======== Data supplied

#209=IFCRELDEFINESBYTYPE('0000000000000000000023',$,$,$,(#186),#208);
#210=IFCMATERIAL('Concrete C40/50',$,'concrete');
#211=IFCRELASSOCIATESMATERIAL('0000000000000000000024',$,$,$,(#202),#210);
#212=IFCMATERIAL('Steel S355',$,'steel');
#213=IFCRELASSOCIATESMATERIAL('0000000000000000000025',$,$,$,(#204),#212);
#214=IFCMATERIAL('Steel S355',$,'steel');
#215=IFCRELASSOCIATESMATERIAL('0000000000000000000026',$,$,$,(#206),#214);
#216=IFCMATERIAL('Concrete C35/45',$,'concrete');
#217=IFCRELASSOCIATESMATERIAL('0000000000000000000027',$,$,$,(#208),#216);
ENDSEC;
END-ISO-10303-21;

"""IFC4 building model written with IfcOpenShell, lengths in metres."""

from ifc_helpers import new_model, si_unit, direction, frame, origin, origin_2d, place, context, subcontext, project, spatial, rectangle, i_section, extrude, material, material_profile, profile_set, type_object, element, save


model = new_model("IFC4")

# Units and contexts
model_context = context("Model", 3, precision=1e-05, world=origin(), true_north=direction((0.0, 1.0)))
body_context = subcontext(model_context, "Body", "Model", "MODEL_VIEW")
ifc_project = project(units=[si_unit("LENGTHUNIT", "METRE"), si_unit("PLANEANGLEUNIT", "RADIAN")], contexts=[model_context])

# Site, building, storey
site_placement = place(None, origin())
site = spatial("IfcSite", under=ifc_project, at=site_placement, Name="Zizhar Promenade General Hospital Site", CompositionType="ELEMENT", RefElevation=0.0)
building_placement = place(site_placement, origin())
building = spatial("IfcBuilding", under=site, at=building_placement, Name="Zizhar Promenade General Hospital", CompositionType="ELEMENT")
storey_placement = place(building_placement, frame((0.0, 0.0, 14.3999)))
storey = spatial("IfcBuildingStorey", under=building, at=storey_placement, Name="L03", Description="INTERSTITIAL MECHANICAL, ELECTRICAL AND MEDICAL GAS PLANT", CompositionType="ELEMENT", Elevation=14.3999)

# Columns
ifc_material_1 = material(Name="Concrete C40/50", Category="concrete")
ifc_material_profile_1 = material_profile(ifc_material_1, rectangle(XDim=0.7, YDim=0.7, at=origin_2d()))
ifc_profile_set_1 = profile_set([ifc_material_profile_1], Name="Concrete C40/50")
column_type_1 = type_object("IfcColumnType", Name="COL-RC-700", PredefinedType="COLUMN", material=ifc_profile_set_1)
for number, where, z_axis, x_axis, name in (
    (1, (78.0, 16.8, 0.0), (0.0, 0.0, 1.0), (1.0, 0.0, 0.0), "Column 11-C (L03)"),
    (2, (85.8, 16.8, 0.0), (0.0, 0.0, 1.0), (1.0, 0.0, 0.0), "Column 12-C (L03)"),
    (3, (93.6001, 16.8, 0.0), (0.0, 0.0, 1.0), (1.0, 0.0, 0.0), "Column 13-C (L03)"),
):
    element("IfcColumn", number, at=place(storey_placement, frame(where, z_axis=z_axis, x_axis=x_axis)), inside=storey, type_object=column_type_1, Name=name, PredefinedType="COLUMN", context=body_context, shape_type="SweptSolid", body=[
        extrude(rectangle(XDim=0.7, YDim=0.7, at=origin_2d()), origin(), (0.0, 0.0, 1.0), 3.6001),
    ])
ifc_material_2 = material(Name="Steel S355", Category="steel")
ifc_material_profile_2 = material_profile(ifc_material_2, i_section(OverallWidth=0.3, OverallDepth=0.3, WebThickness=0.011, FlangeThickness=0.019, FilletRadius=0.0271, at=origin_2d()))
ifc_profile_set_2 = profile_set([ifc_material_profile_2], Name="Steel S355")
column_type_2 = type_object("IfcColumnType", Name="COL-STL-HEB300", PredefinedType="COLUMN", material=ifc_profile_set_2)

================

• _Exercise requirements_
If a line in the records contains the word "CompositionType", copy it out.

• _Written reply_
site = spatial("IfcSite", under=ifc_project, at=site_placement, Name="Zizhar Promenade General Hospital Site", CompositionType="ELEMENT", RefElevation=0.0)
building = spatial("IfcBuilding", under=site, at=building_placement, Name="Zizhar Promenade General Hospital", CompositionType="ELEMENT")
storey = spatial("IfcBuildingStorey", under=building, at=storey_placement, Name="L03", Description="INTERSTITIAL MECHANICAL, ELECTRICAL AND MEDICAL GAS PLANT", CompositionType="ELEMENT", Elevation=14.3999)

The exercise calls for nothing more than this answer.